What the task requires:
Restrict the output to the lines below starting at the one that contains "BUSINESS (LABORATORY WING)',$,#14,$,$,.ELEMENT.,6.);" and ending at the one that contains "#18=IFCLOCALPLACEMENT(#14,#2);", and restate them word for word, both ends included.
• • •
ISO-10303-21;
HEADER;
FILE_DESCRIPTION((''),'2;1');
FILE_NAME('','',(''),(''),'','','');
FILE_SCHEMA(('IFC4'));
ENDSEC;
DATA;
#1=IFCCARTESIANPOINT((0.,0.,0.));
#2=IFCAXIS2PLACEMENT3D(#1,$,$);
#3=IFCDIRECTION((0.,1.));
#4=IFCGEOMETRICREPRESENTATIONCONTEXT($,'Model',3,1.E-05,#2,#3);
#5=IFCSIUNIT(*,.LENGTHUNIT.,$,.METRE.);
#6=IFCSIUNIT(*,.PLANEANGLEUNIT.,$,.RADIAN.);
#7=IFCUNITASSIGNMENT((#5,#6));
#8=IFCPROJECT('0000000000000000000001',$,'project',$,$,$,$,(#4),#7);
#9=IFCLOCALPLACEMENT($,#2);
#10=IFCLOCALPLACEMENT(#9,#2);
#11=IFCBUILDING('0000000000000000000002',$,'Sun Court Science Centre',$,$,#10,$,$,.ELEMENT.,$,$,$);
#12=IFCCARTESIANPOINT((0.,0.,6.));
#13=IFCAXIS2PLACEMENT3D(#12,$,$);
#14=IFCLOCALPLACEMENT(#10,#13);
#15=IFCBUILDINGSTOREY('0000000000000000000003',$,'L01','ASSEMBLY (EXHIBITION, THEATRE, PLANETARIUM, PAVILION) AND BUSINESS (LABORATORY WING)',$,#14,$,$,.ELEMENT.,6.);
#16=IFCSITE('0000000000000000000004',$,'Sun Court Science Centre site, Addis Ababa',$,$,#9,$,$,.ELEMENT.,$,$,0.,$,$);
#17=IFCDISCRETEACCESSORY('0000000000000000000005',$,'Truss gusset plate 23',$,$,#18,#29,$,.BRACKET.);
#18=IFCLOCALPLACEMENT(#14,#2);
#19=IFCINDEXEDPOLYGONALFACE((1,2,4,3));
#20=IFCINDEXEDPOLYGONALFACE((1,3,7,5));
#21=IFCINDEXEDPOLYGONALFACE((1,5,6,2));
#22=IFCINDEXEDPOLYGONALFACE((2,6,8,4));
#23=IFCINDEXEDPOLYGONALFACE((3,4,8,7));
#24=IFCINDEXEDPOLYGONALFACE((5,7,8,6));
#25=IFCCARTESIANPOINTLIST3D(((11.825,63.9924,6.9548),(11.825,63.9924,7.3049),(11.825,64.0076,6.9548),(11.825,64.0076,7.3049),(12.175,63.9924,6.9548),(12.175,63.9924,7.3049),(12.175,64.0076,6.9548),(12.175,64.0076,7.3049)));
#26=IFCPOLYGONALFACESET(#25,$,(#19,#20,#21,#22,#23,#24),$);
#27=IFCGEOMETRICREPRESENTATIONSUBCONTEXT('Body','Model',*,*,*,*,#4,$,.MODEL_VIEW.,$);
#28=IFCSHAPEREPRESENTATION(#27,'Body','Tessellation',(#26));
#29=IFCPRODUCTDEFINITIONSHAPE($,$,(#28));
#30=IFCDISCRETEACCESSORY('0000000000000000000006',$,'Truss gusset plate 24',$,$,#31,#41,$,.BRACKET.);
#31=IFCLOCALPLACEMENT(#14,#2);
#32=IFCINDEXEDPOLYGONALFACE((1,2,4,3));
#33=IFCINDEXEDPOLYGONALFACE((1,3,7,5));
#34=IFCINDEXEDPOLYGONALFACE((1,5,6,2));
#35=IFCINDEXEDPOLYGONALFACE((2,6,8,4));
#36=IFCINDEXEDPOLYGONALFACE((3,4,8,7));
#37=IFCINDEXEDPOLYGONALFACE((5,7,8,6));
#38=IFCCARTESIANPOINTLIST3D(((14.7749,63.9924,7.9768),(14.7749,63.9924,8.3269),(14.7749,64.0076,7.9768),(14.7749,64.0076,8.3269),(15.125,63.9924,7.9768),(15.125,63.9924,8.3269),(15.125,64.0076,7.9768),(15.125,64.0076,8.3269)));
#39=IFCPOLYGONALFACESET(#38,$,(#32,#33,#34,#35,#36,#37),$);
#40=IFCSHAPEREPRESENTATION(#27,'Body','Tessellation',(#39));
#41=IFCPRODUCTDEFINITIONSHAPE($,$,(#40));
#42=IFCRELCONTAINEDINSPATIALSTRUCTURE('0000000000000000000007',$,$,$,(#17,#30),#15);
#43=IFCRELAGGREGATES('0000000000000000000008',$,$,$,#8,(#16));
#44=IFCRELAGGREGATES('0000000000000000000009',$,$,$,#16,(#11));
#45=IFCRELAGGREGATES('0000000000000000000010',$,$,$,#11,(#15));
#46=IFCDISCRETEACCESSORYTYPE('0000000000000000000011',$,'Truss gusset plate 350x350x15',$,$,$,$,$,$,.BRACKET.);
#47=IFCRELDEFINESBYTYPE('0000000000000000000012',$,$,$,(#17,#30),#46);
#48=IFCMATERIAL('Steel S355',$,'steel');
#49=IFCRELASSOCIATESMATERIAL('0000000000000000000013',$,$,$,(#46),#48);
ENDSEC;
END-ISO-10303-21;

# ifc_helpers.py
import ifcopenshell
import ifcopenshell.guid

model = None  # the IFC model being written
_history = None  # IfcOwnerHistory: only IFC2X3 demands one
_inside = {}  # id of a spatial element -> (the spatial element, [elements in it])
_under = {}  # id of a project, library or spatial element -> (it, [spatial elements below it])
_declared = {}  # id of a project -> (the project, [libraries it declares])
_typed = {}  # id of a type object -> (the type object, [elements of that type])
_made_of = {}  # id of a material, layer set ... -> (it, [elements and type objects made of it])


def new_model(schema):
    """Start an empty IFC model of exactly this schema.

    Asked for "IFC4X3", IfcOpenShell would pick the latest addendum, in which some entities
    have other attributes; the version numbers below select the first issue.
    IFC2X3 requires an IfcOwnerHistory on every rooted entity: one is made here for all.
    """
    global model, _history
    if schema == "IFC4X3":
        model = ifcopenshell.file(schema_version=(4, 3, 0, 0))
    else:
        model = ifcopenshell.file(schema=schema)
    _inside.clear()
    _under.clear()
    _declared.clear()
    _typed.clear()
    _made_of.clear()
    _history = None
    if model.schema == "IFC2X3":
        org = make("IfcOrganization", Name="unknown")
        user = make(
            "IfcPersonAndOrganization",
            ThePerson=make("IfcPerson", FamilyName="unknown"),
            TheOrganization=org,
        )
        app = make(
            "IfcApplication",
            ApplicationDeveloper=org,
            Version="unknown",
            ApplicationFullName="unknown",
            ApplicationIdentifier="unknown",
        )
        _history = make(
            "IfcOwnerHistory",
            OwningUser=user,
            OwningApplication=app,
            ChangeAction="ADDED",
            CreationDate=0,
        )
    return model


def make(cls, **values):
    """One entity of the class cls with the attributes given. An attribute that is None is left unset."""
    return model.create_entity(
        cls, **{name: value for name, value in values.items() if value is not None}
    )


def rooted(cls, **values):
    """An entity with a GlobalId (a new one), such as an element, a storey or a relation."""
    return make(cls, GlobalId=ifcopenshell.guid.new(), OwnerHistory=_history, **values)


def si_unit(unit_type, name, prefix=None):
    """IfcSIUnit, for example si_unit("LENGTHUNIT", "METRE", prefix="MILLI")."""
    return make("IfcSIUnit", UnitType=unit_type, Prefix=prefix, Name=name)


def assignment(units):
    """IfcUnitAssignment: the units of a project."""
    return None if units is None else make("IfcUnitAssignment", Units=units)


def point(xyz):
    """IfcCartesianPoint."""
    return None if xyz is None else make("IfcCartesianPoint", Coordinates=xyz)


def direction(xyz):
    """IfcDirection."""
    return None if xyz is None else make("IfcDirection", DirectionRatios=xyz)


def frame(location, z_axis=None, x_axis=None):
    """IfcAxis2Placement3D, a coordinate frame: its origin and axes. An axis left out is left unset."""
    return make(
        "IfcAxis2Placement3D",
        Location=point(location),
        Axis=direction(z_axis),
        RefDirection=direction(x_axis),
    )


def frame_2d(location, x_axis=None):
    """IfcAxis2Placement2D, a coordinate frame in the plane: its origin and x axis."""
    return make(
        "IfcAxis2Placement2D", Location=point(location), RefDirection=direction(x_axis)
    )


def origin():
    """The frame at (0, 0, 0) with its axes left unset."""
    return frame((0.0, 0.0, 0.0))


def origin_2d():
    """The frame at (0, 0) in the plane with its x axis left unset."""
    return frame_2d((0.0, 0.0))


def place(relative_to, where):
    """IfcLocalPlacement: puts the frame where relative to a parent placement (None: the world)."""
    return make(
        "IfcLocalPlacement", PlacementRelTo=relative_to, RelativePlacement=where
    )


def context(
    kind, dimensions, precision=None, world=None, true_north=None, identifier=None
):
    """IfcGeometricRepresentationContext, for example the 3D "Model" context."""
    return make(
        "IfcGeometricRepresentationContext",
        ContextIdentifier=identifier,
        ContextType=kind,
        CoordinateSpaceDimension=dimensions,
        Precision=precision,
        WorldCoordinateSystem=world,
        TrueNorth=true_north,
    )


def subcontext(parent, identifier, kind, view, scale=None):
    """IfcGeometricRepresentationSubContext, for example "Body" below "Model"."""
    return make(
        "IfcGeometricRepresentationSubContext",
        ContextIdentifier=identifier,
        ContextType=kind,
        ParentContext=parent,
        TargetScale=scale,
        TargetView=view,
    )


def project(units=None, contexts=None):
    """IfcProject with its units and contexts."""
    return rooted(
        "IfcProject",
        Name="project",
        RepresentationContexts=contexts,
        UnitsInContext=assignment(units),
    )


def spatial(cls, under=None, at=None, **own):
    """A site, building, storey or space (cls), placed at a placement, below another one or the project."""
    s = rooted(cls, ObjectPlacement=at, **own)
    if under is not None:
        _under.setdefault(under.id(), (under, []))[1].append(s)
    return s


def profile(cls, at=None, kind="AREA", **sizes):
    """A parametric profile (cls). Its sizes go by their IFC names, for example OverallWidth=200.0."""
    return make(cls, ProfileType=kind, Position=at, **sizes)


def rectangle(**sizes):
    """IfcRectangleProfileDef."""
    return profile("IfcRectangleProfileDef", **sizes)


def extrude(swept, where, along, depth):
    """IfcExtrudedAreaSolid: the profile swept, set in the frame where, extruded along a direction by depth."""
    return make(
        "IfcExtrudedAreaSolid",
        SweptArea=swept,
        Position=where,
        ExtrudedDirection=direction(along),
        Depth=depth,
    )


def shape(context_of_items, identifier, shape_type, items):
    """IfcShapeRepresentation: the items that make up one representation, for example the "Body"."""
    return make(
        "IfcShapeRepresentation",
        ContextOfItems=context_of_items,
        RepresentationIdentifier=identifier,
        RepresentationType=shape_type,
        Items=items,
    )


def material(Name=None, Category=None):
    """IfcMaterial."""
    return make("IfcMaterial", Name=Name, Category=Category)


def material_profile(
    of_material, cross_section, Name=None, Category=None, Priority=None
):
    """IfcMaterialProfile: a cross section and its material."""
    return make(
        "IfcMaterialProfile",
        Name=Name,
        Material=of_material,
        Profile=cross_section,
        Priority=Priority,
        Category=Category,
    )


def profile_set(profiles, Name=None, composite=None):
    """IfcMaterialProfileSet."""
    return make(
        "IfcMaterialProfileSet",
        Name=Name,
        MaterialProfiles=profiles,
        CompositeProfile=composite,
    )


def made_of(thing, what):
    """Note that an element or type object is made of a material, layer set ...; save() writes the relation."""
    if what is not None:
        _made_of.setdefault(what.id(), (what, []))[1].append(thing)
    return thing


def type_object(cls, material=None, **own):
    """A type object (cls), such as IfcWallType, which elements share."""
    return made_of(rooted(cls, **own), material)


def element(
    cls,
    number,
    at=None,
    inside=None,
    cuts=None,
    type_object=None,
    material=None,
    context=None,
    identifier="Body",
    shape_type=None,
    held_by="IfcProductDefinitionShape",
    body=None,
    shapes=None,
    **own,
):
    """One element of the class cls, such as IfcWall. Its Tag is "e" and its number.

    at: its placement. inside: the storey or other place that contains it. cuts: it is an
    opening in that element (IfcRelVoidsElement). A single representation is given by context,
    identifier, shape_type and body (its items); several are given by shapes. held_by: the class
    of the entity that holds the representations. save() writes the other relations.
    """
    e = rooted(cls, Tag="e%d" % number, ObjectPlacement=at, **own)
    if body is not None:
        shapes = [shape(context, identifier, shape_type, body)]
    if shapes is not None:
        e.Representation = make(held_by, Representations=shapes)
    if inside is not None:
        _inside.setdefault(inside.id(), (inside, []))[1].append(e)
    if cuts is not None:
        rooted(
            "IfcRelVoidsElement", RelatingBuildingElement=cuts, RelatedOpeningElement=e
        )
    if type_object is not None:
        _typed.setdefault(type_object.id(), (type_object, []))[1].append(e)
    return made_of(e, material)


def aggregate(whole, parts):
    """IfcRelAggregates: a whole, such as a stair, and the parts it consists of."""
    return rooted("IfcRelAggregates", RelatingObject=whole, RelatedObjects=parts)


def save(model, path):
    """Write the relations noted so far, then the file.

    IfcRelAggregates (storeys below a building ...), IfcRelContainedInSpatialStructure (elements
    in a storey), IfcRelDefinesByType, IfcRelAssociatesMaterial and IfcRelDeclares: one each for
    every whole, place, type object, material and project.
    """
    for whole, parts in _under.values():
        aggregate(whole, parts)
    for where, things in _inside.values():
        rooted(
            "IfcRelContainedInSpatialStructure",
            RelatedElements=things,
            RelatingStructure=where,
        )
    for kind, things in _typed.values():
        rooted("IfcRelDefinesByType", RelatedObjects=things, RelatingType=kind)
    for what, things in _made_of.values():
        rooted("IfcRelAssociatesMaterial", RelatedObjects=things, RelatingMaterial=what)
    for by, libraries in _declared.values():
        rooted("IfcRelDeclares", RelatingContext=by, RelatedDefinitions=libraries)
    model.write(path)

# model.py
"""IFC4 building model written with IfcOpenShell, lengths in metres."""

from ifc_helpers import new_model, si_unit, direction, frame, origin, origin_2d, place, context, subcontext, project, spatial, rectangle, extrude, material, material_profile, profile_set, type_object, element, save


model = new_model("IFC4")

# Units and contexts
model_context = context("Model", 3, precision=1e-05, world=origin(), true_north=direction((0.0, 1.0)))
body_context = subcontext(model_context, "Body", "Model", "MODEL_VIEW")
ifc_project = project(units=[si_unit("LENGTHUNIT", "METRE"), si_unit("PLANEANGLEUNIT", "RADIAN")], contexts=[model_context])

# Site, building, storey
site_placement = place(None, origin())
site = spatial("IfcSite", under=ifc_project, at=site_placement, Name="Sun Court Science Centre site, Addis Ababa", CompositionType="ELEMENT", RefElevation=0.0)
building_placement = place(site_placement, origin())
building = spatial("IfcBuilding", under=site, at=building_placement, Name="Sun Court Science Centre", CompositionType="ELEMENT")
storey_placement = place(building_placement, frame((0.0, 0.0, 6.0)))
storey = spatial("IfcBuildingStorey", under=building, at=storey_placement, Name="L01", Description="ASSEMBLY (EXHIBITION, THEATRE, PLANETARIUM, PAVILION) AND BUSINESS (LABORATORY WING)", CompositionType="ELEMENT", Elevation=6.0)

# Discrete accessories
ifc_material_1 = material(Name="Steel S355", Category="steel")
ifc_material_profile_1 = material_profile(ifc_material_1, rectangle(XDim=0.3501, YDim=0.3501, at=origin_2d()), Name="PL 350x350")
ifc_profile_set_1 = profile_set([ifc_material_profile_1], Name="Steel S355")
discrete_accessory_type_1 = type_object("IfcDiscreteAccessoryType", Name="Truss gusset plate 350x350x15", PredefinedType="BRACKET", material=ifc_profile_set_1)
for number, where, z_axis, x_axis, name in (
    (1, (12.0, 63.9924, 7.1299), (0.0, 1.0, 0.0), (-1.0, 0.0, 0.0), "Truss gusset plate 23"),
    (2, (14.95, 63.9924, 8.1519), (0.0, 1.0, 0.0), (-1.0, 0.0, 0.0), "Truss gusset plate 24"),
):
    element("IfcDiscreteAccessory", number, at=place(storey_placement, frame(where, z_axis=z_axis, x_axis=x_axis)), inside=storey, type_object=discrete_accessory_type_1, Name=name, PredefinedType="BRACKET", context=body_context, shape_type="SweptSolid", body=[
        extrude(rectangle(XDim=0.3501, YDim=0.3501, at=origin_2d()), origin(), (0.0, 0.0, 1.0), 0.0151),
    ])

save(model, "model.ifc")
• • •
Response area:
#15=IFCBUILDINGSTOREY('0000000000000000000003',$,'L01','ASSEMBLY (EXHIBITION, THEATRE, PLANETARIUM, PAVILION) AND BUSINESS (LABORATORY WING)',$,#14,$,$,.ELEMENT.,6.);
#16=IFCSITE('0000000000000000000004',$,'Sun Court Science Centre site, Addis Ababa',$,$,#9,$,$,.ELEMENT.,$,$,0.,$,$);
#17=IFCDISCRETEACCESSORY('0000000000000000000005',$,'Truss gusset plate 23',$,$,#18,#29,$,.BRACKET.);
#18=IFCLOCALPLACEMENT(#14,#2);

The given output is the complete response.